== Your task ==
Go through the records below and show every line with the string "IFCLOCALPLACEMENT".

[Collected data entries]

____

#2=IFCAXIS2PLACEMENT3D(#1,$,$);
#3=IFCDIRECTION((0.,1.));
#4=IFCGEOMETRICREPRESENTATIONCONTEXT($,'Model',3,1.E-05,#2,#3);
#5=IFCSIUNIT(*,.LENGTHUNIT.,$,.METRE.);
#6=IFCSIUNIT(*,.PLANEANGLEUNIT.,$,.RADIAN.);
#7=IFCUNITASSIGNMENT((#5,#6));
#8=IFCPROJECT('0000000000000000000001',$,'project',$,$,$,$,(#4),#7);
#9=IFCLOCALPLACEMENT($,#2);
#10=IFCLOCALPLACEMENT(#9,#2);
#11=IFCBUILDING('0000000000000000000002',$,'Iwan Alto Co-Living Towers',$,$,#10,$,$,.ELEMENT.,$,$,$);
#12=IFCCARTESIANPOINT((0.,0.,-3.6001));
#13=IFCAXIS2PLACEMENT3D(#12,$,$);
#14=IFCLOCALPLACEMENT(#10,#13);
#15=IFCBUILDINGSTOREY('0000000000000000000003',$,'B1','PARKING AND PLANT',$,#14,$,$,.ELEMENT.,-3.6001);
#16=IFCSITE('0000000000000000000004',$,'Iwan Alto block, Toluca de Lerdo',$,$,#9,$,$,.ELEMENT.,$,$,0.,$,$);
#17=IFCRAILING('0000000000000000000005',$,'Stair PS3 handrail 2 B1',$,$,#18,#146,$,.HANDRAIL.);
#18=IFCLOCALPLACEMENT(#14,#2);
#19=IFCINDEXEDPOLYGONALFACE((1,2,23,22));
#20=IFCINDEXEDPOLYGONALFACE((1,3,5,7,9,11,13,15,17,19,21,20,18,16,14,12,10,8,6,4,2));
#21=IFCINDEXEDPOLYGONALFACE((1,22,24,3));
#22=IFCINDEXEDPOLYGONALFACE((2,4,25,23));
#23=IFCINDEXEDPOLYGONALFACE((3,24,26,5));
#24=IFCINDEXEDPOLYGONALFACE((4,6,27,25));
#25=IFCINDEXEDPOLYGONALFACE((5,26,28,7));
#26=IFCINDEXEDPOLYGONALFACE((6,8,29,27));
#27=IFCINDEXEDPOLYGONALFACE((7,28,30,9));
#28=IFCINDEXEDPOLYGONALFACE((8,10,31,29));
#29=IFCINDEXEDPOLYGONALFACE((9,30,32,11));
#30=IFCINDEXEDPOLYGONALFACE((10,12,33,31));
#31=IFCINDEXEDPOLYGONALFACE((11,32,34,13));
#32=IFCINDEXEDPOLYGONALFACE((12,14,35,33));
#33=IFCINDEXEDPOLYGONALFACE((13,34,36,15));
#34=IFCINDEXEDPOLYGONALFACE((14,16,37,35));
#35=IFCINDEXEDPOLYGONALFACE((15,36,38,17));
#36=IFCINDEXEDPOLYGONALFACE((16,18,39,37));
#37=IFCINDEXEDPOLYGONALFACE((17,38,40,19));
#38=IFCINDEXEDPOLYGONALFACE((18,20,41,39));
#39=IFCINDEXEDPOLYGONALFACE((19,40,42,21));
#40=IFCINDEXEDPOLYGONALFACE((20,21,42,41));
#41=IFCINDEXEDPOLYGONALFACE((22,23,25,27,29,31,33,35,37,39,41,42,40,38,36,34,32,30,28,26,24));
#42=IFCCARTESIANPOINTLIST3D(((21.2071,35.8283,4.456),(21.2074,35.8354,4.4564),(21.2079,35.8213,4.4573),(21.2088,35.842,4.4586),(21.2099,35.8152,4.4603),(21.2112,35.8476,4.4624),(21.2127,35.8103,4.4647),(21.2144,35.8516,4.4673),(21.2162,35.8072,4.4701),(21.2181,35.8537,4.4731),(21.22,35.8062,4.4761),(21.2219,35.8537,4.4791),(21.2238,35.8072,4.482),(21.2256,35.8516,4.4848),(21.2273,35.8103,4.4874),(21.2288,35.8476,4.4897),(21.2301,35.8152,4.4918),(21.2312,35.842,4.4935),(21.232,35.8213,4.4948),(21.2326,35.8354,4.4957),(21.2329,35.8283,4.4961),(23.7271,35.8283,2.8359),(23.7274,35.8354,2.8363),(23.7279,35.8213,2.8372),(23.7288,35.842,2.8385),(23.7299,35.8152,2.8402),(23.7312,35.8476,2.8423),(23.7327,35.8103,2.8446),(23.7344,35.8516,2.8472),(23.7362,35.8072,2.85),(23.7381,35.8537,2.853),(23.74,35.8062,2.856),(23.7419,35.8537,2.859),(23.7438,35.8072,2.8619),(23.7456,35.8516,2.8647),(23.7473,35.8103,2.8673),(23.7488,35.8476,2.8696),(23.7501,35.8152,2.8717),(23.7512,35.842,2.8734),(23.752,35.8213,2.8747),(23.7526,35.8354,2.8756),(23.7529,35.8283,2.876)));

____

== Task solution ==
#9=IFCLOCALPLACEMENT($,#2);
#10=IFCLOCALPLACEMENT(#9,#2);
#14=IFCLOCALPLACEMENT(#10,#13);
#18=IFCLOCALPLACEMENT(#14,#2);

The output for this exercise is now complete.